RECORDS FOR THIS EXERCISE:
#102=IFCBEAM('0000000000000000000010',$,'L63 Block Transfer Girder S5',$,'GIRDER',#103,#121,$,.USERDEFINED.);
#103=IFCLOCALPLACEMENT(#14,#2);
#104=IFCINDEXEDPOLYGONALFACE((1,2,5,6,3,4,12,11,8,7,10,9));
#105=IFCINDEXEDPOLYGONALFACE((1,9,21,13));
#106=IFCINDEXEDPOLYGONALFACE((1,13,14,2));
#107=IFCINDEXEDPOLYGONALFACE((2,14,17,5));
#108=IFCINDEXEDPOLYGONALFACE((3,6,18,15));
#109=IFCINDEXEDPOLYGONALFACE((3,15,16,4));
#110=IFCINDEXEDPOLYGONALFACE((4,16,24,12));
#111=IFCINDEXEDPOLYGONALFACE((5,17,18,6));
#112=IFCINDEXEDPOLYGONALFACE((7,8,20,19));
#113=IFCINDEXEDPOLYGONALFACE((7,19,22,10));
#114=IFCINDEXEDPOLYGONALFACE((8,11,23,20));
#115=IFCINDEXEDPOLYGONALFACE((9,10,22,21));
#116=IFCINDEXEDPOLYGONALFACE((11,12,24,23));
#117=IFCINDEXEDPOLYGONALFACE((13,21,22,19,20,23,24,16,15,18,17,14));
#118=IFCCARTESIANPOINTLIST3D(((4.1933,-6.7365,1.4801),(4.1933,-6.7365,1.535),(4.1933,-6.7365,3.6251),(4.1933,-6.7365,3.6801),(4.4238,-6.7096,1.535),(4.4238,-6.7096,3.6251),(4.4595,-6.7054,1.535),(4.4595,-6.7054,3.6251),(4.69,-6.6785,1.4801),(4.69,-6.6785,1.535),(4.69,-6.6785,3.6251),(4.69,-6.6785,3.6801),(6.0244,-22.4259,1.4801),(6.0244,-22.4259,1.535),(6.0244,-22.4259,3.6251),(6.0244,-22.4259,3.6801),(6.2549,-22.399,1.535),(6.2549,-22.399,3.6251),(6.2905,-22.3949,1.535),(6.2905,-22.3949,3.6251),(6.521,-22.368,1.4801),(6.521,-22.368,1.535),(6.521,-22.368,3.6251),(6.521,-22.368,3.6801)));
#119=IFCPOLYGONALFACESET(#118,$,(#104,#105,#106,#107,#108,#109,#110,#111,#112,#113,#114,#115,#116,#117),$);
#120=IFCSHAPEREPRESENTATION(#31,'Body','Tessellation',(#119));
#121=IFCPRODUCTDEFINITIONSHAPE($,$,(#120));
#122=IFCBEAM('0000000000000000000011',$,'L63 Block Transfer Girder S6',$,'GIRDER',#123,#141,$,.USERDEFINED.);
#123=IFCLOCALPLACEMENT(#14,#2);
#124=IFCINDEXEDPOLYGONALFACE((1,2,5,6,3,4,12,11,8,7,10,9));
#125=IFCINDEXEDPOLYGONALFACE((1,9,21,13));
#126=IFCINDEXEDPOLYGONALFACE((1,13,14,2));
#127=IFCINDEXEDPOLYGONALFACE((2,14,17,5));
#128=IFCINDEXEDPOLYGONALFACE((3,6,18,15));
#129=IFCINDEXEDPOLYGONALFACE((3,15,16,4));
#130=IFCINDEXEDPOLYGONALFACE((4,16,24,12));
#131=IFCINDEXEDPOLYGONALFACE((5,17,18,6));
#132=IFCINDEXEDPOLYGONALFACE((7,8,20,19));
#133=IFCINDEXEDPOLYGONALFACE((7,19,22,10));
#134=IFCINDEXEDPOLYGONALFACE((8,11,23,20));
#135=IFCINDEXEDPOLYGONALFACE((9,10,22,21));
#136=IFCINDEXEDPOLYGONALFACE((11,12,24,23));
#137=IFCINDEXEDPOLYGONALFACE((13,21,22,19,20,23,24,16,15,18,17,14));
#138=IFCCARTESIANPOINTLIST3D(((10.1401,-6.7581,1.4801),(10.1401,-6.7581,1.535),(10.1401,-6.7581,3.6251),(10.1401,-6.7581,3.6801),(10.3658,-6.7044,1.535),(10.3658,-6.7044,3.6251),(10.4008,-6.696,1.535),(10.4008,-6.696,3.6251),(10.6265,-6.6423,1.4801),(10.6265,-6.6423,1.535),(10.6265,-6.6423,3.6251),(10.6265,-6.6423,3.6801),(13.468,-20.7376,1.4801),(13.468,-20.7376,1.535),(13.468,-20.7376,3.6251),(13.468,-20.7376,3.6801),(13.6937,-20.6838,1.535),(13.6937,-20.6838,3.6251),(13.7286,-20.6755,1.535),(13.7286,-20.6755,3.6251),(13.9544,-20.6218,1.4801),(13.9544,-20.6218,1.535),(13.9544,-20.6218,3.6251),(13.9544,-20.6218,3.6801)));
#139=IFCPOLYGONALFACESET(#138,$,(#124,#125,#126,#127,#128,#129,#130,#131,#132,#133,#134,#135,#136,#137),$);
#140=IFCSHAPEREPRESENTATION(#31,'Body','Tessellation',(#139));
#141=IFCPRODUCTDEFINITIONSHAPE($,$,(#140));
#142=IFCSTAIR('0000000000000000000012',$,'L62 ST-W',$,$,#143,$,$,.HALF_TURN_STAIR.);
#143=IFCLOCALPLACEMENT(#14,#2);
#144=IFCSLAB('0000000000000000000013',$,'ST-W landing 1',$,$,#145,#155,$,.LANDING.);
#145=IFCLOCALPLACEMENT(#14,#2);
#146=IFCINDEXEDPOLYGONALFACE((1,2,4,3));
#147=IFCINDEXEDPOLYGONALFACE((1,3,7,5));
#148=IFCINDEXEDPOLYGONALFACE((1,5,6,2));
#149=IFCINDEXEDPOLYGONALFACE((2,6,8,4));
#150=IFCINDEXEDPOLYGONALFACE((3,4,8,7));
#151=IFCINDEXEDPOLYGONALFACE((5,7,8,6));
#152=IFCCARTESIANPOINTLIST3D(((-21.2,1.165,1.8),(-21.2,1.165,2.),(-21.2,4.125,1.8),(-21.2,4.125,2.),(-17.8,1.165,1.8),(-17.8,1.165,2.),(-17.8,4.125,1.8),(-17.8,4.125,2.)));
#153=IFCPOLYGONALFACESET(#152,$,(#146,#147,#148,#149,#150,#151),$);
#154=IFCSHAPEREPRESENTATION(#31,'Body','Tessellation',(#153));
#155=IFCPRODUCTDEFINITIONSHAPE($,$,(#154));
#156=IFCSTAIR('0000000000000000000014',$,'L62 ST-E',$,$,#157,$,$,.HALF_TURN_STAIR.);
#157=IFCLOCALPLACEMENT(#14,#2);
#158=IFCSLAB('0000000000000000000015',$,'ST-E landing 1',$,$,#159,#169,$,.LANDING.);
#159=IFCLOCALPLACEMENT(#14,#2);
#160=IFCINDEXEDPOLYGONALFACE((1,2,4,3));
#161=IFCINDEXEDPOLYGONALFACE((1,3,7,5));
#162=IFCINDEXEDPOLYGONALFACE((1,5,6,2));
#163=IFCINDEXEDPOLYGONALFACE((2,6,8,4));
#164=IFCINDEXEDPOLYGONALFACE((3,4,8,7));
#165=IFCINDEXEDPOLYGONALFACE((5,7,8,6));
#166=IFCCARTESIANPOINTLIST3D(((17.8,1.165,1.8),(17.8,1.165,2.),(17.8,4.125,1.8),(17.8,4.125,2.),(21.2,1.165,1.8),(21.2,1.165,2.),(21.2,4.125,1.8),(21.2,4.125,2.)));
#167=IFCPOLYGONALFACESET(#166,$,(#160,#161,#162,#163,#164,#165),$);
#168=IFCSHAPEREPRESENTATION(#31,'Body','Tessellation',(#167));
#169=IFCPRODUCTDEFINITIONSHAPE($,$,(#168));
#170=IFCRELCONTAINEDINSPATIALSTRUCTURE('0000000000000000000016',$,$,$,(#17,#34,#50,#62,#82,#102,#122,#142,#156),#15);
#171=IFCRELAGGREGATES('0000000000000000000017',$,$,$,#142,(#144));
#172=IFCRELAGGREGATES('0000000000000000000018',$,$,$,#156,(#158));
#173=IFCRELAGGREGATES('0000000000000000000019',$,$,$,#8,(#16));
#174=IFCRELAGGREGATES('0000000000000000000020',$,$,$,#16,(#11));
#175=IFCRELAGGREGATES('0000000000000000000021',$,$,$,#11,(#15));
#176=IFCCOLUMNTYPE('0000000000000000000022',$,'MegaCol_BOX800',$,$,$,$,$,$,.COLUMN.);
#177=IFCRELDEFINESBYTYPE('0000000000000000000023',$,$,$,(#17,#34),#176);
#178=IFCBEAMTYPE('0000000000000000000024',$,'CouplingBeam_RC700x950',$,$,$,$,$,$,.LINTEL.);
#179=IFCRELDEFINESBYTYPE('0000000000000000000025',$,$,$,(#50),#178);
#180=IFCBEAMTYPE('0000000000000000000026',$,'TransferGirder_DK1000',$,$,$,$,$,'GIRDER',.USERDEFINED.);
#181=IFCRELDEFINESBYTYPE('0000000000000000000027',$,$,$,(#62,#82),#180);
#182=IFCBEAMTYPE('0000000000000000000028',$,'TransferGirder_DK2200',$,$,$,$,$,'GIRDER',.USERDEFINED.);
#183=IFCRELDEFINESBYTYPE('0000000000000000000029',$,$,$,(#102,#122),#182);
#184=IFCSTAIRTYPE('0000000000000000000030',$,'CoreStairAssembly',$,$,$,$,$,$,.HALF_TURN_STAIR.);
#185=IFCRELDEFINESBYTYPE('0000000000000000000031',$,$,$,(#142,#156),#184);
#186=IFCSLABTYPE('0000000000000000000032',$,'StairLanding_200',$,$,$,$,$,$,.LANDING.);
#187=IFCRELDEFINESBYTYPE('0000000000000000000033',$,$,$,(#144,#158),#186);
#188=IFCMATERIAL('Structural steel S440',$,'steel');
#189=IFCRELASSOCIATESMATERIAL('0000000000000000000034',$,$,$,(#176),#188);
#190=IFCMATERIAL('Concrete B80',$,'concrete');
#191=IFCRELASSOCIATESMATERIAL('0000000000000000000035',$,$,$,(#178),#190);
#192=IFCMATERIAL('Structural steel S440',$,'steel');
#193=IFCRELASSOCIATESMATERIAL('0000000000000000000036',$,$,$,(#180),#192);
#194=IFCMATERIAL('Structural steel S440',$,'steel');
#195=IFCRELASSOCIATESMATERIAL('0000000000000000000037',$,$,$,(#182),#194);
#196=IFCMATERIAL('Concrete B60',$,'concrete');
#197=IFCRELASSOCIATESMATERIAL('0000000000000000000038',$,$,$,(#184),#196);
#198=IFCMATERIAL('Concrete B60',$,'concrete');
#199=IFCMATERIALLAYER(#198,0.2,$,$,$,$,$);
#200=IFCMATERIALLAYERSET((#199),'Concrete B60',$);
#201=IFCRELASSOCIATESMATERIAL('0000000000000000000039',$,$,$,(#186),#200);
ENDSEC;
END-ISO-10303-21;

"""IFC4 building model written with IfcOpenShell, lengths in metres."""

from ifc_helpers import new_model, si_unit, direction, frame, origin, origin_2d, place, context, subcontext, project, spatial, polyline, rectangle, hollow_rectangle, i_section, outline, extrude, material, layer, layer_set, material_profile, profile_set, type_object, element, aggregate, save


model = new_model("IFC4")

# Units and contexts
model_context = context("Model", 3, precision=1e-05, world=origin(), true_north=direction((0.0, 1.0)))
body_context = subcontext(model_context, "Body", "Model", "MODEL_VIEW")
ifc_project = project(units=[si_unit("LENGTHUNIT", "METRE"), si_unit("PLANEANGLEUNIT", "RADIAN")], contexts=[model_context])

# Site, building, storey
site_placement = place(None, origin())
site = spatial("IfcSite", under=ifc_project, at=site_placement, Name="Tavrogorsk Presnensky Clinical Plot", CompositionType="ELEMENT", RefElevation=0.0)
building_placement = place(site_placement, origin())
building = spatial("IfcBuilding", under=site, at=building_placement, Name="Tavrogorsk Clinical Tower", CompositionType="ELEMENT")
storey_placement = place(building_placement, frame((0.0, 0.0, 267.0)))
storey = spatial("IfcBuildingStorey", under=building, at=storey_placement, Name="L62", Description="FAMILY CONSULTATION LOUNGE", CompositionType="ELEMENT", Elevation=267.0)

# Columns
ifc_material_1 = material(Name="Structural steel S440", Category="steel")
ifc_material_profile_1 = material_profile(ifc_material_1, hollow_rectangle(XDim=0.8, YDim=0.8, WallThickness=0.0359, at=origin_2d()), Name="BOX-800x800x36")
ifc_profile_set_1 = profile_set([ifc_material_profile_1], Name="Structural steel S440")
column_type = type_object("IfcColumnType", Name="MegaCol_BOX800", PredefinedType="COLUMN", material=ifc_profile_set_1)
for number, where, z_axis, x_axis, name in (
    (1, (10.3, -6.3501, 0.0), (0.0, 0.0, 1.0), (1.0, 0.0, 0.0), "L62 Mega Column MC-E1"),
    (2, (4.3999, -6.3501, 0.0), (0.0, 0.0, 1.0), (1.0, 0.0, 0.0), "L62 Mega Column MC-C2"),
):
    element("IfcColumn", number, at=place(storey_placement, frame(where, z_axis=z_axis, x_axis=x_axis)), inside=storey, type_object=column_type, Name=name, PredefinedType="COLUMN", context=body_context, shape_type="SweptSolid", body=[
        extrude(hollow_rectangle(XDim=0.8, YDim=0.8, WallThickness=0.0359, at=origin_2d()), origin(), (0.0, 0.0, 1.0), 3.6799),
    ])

TASK OBJECTIVE: The required output is the exact run of lines from the beginning of the listing above to the line that contains "#121=IFCPRODUCTDEFINITIONSHAPE($,$,(#120));", inclusive of both.

YOUR RESPONSE:
#102=IFCBEAM('0000000000000000000010',$,'L63 Block Transfer Girder S5',$,'GIRDER',#103,#121,$,.USERDEFINED.);
#103=IFCLOCALPLACEMENT(#14,#2);
#104=IFCINDEXEDPOLYGONALFACE((1,2,5,6,3,4,12,11,8,7,10,9));
#105=IFCINDEXEDPOLYGONALFACE((1,9,21,13));
#106=IFCINDEXEDPOLYGONALFACE((1,13,14,2));
#107=IFCINDEXEDPOLYGONALFACE((2,14,17,5));
#108=IFCINDEXEDPOLYGONALFACE((3,6,18,15));
#109=IFCINDEXEDPOLYGONALFACE((3,15,16,4));
#110=IFCINDEXEDPOLYGONALFACE((4,16,24,12));
#111=IFCINDEXEDPOLYGONALFACE((5,17,18,6));
#112=IFCINDEXEDPOLYGONALFACE((7,8,20,19));
#113=IFCINDEXEDPOLYGONALFACE((7,19,22,10));
#114=IFCINDEXEDPOLYGONALFACE((8,11,23,20));
#115=IFCINDEXEDPOLYGONALFACE((9,10,22,21));
#116=IFCINDEXEDPOLYGONALFACE((11,12,24,23));
#117=IFCINDEXEDPOLYGONALFACE((13,21,22,19,20,23,24,16,15,18,17,14));
#118=IFCCARTESIANPOINTLIST3D(((4.1933,-6.7365,1.4801),(4.1933,-6.7365,1.535),(4.1933,-6.7365,3.6251),(4.1933,-6.7365,3.6801),(4.4238,-6.7096,1.535),(4.4238,-6.7096,3.6251),(4.4595,-6.7054,1.535),(4.4595,-6.7054,3.6251),(4.69,-6.6785,1.4801),(4.69,-6.6785,1.535),(4.69,-6.6785,3.6251),(4.69,-6.6785,3.6801),(6.0244,-22.4259,1.4801),(6.0244,-22.4259,1.535),(6.0244,-22.4259,3.6251),(6.0244,-22.4259,3.6801),(6.2549,-22.399,1.535),(6.2549,-22.399,3.6251),(6.2905,-22.3949,1.535),(6.2905,-22.3949,3.6251),(6.521,-22.368,1.4801),(6.521,-22.368,1.535),(6.521,-22.368,3.6251),(6.521,-22.368,3.6801)));
#119=IFCPOLYGONALFACESET(#118,$,(#104,#105,#106,#107,#108,#109,#110,#111,#112,#113,#114,#115,#116,#117),$);
#120=IFCSHAPEREPRESENTATION(#31,'Body','Tessellation',(#119));
#121=IFCPRODUCTDEFINITIONSHAPE($,$,(#120));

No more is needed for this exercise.